Assigned task - Go through the records below line by line, counting those that contain the word "IFCWALLTYPE"; answer with the count only.

=== Data to use ===

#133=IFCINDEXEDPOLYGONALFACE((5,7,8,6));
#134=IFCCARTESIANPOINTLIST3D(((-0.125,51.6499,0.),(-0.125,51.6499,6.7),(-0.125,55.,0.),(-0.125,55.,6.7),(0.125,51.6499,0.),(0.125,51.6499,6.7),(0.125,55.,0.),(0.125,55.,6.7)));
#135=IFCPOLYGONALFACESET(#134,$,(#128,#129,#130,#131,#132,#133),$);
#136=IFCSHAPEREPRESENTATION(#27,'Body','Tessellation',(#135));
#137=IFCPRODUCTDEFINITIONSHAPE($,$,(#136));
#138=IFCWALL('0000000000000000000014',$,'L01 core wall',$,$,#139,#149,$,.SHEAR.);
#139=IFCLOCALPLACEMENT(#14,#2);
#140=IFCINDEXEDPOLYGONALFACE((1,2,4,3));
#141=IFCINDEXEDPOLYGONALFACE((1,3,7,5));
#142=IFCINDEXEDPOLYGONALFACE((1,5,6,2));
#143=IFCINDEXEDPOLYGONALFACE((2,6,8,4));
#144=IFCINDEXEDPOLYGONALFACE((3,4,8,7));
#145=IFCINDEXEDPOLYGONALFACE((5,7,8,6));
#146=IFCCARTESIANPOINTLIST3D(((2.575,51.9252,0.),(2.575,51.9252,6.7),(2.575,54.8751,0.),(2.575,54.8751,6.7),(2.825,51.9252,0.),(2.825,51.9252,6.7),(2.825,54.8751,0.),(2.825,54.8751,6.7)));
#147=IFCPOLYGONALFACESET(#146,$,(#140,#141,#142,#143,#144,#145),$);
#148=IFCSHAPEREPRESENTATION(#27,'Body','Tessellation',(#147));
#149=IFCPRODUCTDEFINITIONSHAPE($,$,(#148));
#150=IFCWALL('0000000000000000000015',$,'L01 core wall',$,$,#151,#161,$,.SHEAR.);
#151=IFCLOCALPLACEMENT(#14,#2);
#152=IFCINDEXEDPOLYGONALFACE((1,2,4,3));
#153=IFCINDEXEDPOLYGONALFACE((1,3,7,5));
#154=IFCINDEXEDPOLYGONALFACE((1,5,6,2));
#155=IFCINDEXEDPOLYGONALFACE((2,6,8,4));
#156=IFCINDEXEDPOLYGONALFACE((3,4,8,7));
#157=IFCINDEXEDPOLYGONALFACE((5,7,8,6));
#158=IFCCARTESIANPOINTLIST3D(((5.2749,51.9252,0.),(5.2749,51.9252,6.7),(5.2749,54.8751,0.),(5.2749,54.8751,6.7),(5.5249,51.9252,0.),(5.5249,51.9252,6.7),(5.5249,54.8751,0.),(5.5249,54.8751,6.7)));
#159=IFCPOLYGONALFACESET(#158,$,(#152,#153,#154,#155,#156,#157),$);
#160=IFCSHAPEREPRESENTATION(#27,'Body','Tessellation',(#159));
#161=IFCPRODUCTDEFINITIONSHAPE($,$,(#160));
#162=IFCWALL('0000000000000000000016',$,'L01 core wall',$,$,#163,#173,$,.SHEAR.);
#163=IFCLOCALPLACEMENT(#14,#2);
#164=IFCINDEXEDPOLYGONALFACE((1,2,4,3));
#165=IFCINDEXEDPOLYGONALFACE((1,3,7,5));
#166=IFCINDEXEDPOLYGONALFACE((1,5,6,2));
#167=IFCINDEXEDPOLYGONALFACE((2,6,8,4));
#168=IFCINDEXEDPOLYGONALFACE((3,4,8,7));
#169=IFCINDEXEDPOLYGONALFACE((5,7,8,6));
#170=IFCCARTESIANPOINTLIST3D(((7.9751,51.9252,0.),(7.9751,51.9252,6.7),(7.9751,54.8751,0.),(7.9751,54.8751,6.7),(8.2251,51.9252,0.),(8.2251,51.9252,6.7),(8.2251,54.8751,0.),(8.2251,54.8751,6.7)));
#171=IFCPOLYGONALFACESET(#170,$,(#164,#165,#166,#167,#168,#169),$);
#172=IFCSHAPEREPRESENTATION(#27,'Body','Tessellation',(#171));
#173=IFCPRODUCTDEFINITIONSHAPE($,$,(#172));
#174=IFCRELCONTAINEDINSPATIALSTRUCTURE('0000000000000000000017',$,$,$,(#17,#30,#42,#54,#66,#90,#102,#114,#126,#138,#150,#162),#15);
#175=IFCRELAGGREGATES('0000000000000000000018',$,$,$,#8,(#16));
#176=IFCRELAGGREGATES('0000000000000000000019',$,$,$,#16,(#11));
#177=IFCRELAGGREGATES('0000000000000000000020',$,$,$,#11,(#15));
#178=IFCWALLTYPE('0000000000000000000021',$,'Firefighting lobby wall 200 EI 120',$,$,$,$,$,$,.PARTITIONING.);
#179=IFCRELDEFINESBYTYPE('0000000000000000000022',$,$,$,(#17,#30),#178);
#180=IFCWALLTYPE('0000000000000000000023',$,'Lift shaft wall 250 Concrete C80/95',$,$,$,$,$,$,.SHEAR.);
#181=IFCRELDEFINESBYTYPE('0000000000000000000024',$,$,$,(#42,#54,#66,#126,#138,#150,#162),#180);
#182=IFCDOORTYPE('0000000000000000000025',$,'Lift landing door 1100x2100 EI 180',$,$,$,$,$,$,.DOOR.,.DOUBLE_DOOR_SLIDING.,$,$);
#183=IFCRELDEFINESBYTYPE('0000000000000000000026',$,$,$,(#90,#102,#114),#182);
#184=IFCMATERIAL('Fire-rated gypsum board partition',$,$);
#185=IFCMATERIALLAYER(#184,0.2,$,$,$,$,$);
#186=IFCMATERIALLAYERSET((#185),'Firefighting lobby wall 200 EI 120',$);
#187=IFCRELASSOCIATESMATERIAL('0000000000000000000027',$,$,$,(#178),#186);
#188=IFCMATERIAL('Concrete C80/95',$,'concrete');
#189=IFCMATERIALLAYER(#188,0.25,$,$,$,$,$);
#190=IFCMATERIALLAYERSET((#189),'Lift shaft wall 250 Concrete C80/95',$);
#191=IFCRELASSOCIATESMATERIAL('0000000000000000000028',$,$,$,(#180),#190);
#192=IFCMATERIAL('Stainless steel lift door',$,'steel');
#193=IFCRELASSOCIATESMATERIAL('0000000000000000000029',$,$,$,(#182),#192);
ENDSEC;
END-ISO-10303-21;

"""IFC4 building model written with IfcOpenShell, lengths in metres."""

===

Your response - 2